- [Brief]:
For each line in the data below that has the word "extrude", copy that line.

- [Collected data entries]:

────────────────────────────────────────

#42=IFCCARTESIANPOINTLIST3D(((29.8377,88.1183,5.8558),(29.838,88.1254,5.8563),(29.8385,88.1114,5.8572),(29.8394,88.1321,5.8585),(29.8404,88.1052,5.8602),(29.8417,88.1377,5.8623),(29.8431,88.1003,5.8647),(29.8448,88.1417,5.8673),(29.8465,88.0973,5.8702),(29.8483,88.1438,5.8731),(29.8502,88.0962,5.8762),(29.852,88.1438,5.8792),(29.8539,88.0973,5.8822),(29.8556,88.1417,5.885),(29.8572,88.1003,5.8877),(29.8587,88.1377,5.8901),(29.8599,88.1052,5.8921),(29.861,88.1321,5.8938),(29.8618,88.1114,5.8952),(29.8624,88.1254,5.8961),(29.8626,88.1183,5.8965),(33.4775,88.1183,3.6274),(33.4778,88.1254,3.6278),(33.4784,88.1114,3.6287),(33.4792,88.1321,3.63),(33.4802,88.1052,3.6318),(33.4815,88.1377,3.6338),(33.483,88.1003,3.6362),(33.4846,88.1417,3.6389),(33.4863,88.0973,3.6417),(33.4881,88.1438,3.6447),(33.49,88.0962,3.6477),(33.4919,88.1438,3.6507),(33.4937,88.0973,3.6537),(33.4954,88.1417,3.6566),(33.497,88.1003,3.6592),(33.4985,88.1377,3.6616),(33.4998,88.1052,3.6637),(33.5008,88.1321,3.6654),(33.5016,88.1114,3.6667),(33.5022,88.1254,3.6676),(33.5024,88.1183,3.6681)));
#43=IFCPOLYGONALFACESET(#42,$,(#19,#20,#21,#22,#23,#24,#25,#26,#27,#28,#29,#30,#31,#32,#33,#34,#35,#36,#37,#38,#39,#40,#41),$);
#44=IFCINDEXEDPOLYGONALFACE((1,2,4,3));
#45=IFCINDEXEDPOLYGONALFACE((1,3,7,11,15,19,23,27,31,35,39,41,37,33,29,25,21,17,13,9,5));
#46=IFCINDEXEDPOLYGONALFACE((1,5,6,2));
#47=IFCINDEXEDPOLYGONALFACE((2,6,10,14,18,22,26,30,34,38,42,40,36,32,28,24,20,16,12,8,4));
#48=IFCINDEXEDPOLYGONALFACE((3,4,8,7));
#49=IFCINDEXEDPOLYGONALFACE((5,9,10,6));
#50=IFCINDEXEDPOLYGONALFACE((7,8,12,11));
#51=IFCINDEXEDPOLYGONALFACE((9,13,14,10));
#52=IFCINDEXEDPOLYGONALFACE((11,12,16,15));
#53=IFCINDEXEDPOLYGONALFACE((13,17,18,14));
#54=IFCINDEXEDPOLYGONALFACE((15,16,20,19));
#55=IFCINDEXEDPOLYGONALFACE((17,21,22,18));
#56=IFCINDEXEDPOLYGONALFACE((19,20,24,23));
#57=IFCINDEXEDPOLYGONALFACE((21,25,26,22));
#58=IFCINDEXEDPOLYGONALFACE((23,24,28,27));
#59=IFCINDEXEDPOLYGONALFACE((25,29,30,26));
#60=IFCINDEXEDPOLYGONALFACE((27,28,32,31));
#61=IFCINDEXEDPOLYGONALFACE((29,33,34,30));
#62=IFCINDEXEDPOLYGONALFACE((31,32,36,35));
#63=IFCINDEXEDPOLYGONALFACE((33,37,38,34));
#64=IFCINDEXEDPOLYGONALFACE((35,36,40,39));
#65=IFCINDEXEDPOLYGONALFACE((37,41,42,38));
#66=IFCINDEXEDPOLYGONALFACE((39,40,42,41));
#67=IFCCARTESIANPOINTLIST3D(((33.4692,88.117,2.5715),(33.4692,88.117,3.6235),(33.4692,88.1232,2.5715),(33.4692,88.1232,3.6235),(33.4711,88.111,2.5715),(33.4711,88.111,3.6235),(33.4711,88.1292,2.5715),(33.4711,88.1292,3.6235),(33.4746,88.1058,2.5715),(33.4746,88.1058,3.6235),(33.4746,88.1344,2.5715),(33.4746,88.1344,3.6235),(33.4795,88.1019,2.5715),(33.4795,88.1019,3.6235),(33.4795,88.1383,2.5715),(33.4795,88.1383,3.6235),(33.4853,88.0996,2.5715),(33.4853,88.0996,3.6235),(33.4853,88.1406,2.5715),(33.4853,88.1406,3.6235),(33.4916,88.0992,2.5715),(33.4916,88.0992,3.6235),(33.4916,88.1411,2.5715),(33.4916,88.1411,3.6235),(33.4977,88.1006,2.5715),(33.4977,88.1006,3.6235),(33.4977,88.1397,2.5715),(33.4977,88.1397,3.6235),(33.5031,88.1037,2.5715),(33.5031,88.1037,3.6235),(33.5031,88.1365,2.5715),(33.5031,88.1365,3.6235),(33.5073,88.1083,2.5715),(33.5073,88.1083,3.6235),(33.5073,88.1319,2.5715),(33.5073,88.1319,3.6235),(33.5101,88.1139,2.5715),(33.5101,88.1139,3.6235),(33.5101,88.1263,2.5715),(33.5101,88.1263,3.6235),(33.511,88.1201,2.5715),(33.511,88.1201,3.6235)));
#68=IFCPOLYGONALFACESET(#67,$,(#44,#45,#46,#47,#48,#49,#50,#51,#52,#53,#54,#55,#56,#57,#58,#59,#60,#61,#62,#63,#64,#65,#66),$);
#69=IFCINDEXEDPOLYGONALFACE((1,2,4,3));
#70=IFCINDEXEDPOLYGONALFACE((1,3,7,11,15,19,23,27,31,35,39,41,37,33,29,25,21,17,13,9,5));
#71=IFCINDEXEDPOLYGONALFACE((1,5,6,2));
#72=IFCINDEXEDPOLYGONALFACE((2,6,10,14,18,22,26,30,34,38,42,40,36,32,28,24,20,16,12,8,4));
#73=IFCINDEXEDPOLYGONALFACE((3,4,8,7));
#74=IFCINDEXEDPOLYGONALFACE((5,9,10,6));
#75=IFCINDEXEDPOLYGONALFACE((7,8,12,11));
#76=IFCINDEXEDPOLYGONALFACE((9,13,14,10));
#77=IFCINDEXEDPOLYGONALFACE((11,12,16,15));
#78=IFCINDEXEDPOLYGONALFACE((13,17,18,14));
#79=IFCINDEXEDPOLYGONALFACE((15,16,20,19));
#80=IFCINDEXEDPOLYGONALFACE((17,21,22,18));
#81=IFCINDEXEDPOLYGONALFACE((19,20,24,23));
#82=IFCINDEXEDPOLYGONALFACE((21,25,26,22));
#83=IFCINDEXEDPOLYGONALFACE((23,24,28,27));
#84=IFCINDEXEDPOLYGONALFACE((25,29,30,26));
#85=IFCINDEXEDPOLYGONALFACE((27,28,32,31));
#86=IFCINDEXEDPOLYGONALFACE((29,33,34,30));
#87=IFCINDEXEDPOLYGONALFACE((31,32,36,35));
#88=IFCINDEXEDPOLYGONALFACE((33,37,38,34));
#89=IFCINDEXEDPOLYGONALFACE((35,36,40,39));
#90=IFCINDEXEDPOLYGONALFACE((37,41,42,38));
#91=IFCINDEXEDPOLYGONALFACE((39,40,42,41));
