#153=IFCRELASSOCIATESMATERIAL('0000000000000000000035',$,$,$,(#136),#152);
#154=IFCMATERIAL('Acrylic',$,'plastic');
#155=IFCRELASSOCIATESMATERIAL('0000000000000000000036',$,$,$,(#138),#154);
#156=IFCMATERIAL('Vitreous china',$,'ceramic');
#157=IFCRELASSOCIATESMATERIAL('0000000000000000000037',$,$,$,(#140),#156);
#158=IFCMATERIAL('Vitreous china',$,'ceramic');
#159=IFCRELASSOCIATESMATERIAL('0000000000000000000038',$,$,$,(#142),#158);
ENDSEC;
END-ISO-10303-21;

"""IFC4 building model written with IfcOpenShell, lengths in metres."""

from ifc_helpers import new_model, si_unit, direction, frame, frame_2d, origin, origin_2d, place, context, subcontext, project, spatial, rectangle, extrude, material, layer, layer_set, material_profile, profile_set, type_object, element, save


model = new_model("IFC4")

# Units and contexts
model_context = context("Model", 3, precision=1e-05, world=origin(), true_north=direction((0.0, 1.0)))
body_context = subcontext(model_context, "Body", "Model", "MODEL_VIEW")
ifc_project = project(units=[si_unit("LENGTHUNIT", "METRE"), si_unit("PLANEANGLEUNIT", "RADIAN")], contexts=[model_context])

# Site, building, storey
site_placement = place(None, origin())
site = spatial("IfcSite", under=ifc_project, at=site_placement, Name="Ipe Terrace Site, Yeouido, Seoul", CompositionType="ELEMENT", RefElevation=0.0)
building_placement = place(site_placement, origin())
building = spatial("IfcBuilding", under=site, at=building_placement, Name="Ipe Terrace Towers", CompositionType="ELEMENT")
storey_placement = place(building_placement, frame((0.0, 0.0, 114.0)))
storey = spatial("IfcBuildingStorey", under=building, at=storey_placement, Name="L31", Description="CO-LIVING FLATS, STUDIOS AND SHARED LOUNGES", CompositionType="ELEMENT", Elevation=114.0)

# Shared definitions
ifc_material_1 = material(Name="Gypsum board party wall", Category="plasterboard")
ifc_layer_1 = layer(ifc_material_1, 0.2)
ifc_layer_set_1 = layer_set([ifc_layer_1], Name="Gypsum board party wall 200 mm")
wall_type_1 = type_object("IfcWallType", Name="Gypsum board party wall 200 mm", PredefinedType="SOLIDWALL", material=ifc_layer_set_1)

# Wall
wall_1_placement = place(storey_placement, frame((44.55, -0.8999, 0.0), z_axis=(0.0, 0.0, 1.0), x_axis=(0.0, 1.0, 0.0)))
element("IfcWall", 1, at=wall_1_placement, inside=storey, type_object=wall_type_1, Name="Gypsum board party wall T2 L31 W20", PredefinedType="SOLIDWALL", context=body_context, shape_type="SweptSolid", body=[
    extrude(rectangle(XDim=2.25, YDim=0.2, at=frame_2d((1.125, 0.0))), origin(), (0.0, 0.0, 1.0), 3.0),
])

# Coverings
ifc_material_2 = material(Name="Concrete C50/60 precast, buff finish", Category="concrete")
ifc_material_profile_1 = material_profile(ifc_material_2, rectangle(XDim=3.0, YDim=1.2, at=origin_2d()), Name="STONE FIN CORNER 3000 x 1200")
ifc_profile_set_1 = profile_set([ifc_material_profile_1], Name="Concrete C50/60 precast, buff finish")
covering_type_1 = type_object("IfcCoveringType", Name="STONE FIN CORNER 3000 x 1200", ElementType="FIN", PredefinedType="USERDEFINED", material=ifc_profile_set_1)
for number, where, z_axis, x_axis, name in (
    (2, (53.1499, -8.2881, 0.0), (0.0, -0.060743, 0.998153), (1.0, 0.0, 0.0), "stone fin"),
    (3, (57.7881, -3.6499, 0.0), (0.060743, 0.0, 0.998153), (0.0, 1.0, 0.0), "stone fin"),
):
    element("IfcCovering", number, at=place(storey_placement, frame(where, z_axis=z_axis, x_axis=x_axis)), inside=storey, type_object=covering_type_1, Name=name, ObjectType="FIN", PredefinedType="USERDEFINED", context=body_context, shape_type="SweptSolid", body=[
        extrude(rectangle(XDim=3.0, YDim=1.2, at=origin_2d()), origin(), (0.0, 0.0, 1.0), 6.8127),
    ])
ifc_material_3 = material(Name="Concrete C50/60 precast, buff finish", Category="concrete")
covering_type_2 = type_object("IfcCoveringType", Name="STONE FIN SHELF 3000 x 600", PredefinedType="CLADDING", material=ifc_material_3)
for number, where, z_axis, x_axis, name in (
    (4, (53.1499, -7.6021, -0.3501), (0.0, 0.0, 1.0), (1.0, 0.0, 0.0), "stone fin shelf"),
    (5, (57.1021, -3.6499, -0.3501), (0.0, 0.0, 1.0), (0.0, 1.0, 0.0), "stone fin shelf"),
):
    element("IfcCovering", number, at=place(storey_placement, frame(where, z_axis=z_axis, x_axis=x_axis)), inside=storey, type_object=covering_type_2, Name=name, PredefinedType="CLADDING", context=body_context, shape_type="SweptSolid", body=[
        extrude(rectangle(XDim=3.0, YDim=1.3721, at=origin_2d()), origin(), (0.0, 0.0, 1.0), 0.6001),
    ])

────────────────────────────────────────

- [Answer]:
from ifc_helpers import new_model, si_unit, direction, frame, frame_2d, origin, origin_2d, place, context, subcontext, project, spatial, rectangle, extrude, material, layer, layer_set, material_profile, profile_set, type_object, element, save
    extrude(rectangle(XDim=2.25, YDim=0.2, at=frame_2d((1.125, 0.0))), origin(), (0.0, 0.0, 1.0), 3.0),
        extrude(rectangle(XDim=3.0, YDim=1.2, at=origin_2d()), origin(), (0.0, 0.0, 1.0), 6.8127),
        extrude(rectangle(XDim=3.0, YDim=1.3721, at=origin_2d()), origin(), (0.0, 0.0, 1.0), 0.6001),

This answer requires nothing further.